WHAT IS REQUIRED
Output, word for word, the lines of this listing that fall between the line with "#197=IFCPRODUCTDEFINITIONSHAPE($,$,(#196));" and the line with "#201=IFCRELAGGREGATES('0000000000000000000013',$,$,$,#11,(#15));", counting both of those lines, and no others.

Segment Open

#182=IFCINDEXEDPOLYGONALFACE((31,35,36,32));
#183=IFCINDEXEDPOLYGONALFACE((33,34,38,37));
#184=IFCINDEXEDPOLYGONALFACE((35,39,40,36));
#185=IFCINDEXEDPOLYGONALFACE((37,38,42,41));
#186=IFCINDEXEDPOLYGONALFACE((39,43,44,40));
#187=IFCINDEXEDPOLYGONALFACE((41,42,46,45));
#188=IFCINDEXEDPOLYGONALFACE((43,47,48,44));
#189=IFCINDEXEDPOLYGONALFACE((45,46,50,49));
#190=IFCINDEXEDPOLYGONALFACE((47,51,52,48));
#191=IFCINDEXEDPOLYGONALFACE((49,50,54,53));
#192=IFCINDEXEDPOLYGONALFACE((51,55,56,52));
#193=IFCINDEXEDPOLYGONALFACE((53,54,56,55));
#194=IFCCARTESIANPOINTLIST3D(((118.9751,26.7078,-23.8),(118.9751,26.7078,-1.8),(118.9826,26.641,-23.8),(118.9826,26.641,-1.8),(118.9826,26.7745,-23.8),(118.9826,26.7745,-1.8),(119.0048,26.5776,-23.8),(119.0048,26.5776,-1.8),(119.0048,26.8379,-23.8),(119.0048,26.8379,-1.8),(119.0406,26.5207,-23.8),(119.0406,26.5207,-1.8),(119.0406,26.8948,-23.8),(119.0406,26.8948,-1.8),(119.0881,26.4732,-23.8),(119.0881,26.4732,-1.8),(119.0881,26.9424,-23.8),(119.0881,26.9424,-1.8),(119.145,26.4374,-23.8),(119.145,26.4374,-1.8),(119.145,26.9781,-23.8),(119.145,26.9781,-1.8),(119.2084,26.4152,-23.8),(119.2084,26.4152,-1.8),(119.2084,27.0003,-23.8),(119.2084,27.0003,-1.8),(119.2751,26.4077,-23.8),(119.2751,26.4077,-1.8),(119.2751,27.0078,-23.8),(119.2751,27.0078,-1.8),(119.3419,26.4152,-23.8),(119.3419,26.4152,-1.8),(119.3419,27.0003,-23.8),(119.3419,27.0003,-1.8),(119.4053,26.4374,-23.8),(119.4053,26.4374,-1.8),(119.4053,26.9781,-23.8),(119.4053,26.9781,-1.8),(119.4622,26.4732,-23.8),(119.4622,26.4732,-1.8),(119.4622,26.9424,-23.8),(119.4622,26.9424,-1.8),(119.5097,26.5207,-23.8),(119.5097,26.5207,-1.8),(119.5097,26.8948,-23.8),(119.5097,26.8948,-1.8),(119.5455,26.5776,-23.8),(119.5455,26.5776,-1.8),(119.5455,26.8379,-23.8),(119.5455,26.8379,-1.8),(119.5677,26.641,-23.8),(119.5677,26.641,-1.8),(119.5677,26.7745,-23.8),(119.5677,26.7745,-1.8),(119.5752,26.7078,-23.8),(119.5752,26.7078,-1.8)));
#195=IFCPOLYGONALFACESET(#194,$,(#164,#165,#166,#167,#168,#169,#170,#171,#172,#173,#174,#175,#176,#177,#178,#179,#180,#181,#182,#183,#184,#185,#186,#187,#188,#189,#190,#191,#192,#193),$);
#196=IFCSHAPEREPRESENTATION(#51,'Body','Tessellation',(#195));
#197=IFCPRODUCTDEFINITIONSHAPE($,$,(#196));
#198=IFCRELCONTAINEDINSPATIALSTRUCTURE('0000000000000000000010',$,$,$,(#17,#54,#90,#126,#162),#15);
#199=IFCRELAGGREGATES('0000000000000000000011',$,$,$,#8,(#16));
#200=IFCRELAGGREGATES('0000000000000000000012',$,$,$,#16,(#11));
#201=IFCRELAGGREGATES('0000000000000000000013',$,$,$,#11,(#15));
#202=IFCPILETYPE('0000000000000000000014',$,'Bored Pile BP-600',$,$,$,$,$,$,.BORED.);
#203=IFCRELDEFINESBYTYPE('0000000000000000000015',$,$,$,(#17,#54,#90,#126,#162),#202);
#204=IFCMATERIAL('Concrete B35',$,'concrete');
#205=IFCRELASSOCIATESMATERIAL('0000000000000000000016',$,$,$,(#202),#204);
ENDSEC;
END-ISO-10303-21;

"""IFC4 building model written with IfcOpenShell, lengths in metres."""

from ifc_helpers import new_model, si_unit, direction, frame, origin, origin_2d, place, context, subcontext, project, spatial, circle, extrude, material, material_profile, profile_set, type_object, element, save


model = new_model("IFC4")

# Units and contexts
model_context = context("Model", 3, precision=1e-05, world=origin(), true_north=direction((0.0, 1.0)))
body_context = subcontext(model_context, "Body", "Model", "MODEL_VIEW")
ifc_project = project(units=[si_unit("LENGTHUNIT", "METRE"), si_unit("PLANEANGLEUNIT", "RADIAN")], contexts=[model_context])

Segment Closed

OUTPUT FOR THIS EXERCISE
#197=IFCPRODUCTDEFINITIONSHAPE($,$,(#196));
#198=IFCRELCONTAINEDINSPATIALSTRUCTURE('0000000000000000000010',$,$,$,(#17,#54,#90,#126,#162),#15);
#199=IFCRELAGGREGATES('0000000000000000000011',$,$,$,#8,(#16));
#200=IFCRELAGGREGATES('0000000000000000000012',$,$,$,#16,(#11));
#201=IFCRELAGGREGATES('0000000000000000000013',$,$,$,#11,(#15));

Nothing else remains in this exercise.